RECORDED DATA ▸

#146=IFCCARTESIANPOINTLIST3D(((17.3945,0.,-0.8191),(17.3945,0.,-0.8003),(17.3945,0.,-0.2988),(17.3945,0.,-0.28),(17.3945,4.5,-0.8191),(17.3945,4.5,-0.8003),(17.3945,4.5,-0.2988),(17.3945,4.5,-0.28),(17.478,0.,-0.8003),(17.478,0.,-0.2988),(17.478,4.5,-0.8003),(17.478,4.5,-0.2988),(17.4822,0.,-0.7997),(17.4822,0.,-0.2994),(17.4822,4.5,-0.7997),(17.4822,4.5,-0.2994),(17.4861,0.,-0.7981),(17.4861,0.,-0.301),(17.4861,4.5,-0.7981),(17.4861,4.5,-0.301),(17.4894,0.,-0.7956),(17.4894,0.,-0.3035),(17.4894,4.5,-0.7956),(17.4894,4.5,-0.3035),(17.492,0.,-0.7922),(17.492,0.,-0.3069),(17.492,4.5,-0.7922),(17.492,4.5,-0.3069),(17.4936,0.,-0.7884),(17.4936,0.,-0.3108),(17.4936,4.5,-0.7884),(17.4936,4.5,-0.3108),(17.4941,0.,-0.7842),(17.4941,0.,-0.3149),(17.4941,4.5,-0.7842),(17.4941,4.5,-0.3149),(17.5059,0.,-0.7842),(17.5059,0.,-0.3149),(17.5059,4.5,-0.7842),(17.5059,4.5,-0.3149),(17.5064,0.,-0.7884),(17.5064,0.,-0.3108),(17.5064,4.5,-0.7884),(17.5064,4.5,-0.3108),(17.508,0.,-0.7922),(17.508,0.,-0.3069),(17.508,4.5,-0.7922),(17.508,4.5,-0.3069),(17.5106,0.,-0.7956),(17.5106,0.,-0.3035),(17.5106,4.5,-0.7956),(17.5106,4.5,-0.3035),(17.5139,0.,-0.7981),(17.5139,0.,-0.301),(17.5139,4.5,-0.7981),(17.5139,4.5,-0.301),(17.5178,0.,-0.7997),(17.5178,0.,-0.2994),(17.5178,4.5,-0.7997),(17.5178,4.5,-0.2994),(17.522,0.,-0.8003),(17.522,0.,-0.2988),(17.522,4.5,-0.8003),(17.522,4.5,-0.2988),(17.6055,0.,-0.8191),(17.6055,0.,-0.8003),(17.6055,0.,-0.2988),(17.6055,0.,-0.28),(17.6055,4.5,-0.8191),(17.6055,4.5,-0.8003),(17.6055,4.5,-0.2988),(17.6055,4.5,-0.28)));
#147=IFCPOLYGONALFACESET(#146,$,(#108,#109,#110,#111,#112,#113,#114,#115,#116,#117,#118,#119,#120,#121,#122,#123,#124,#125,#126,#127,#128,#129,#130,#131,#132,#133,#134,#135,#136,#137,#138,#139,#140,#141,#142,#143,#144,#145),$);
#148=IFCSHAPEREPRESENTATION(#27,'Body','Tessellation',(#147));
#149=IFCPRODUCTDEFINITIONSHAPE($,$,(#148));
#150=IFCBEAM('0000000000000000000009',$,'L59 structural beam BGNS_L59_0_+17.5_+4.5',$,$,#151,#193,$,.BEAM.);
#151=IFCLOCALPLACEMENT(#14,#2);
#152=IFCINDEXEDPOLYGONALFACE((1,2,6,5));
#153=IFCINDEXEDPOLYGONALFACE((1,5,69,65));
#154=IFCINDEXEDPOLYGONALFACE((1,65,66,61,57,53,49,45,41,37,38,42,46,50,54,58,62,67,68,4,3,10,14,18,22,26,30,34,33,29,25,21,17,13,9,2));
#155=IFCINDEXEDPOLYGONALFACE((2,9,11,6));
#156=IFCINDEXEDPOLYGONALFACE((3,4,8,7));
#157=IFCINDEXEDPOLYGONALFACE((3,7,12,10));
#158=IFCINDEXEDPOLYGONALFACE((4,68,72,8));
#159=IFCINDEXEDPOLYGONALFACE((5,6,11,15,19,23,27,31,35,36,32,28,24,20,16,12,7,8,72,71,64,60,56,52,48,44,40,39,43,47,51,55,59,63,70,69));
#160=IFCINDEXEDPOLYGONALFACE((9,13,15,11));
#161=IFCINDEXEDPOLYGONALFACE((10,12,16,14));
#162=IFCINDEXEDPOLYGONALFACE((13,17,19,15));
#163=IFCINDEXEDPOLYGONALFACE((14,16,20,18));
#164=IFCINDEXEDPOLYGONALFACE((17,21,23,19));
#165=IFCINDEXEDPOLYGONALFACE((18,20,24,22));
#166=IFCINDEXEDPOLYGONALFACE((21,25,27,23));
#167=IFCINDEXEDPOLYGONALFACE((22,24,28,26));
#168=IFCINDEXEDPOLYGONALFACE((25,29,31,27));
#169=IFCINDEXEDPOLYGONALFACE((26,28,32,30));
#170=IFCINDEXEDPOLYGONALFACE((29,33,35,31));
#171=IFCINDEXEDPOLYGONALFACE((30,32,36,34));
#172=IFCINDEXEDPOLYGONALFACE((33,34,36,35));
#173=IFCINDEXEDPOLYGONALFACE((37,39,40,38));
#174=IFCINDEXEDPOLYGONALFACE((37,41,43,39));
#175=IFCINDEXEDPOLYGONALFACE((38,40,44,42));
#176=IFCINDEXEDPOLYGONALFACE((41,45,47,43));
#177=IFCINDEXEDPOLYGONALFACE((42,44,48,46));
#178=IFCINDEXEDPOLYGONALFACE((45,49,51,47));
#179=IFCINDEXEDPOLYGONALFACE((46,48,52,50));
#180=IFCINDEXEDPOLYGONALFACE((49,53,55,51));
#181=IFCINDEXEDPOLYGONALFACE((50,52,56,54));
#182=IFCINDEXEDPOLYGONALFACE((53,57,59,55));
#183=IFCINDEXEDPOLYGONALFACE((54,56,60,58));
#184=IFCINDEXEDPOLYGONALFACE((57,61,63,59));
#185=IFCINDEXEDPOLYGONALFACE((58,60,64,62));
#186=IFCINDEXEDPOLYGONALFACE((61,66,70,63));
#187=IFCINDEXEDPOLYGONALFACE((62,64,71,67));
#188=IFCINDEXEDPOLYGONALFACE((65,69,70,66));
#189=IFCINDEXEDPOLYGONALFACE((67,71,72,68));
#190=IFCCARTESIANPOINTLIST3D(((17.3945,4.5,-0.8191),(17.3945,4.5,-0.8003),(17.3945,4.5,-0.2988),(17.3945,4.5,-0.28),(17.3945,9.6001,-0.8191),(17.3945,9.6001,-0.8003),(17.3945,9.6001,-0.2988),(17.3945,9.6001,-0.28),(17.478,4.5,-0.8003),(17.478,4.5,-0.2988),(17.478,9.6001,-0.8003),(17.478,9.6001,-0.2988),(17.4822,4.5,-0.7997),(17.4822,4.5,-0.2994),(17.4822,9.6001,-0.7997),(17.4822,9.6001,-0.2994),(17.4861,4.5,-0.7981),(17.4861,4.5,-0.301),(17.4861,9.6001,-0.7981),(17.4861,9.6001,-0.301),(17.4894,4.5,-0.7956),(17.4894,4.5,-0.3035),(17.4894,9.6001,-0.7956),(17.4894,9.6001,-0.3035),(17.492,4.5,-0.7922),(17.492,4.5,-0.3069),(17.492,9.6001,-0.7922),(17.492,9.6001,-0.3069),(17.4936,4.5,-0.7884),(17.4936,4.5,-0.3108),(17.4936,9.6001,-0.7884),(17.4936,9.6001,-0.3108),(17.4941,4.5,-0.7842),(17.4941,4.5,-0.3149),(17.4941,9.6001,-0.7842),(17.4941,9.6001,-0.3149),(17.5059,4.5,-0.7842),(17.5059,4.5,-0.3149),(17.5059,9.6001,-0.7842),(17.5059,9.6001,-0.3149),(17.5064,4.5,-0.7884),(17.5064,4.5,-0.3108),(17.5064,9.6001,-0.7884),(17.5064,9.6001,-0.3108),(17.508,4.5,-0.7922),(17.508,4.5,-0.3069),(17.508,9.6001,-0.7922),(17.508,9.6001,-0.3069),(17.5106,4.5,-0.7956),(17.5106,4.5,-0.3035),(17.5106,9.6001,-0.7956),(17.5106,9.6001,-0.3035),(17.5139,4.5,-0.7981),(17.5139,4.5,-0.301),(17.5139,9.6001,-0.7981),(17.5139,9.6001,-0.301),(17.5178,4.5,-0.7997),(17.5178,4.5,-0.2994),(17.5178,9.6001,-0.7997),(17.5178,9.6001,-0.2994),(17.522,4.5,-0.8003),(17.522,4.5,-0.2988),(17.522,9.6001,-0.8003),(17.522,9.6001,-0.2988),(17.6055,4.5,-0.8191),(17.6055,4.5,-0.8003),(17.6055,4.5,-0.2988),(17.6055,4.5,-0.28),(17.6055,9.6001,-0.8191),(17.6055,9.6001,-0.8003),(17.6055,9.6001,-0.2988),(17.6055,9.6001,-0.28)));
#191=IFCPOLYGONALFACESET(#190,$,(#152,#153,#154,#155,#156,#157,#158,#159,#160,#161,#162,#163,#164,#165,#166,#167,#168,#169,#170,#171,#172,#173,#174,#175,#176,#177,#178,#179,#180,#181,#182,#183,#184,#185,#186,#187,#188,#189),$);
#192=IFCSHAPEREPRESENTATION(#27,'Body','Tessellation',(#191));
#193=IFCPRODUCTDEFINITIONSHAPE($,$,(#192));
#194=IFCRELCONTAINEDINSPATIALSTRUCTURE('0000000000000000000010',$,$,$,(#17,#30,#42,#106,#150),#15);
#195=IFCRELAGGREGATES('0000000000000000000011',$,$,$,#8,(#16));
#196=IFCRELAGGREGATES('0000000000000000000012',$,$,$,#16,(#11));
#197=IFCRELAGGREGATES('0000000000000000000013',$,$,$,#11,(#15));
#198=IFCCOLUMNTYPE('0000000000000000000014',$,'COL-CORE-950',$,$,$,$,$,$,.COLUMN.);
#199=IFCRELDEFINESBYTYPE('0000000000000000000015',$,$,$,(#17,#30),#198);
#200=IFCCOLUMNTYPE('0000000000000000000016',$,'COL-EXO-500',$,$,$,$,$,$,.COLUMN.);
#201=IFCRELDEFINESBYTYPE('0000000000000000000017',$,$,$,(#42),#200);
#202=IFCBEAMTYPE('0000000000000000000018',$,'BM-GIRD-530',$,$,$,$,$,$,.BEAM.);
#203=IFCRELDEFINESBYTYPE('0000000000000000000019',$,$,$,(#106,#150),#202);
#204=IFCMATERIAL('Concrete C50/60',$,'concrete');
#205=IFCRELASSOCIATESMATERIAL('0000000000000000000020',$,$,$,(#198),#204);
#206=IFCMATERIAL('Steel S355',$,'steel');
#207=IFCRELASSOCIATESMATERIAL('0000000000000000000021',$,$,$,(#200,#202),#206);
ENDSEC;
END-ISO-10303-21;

HOW TO COMPLETE THIS TASK ▸
Looking at the data above, return every line from the one with "#170=IFCINDEXEDPOLYGONALFACE((29,33,35,31));" down to the one with "#189=IFCINDEXEDPOLYGONALFACE((67,71,72,68));", exactly and inclusively.

COMPLETED EXERCISE ▸
#170=IFCINDEXEDPOLYGONALFACE((29,33,35,31));
#171=IFCINDEXEDPOLYGONALFACE((30,32,36,34));
#172=IFCINDEXEDPOLYGONALFACE((33,34,36,35));
#173=IFCINDEXEDPOLYGONALFACE((37,39,40,38));
#174=IFCINDEXEDPOLYGONALFACE((37,41,43,39));
#175=IFCINDEXEDPOLYGONALFACE((38,40,44,42));
#176=IFCINDEXEDPOLYGONALFACE((41,45,47,43));
#177=IFCINDEXEDPOLYGONALFACE((42,44,48,46));
#178=IFCINDEXEDPOLYGONALFACE((45,49,51,47));
#179=IFCINDEXEDPOLYGONALFACE((46,48,52,50));
#180=IFCINDEXEDPOLYGONALFACE((49,53,55,51));
#181=IFCINDEXEDPOLYGONALFACE((50,52,56,54));
#182=IFCINDEXEDPOLYGONALFACE((53,57,59,55));
#183=IFCINDEXEDPOLYGONALFACE((54,56,60,58));
#184=IFCINDEXEDPOLYGONALFACE((57,61,63,59));
#185=IFCINDEXEDPOLYGONALFACE((58,60,64,62));
#186=IFCINDEXEDPOLYGONALFACE((61,66,70,63));
#187=IFCINDEXEDPOLYGONALFACE((62,64,71,67));
#188=IFCINDEXEDPOLYGONALFACE((65,69,70,66));
#189=IFCINDEXEDPOLYGONALFACE((67,71,72,68));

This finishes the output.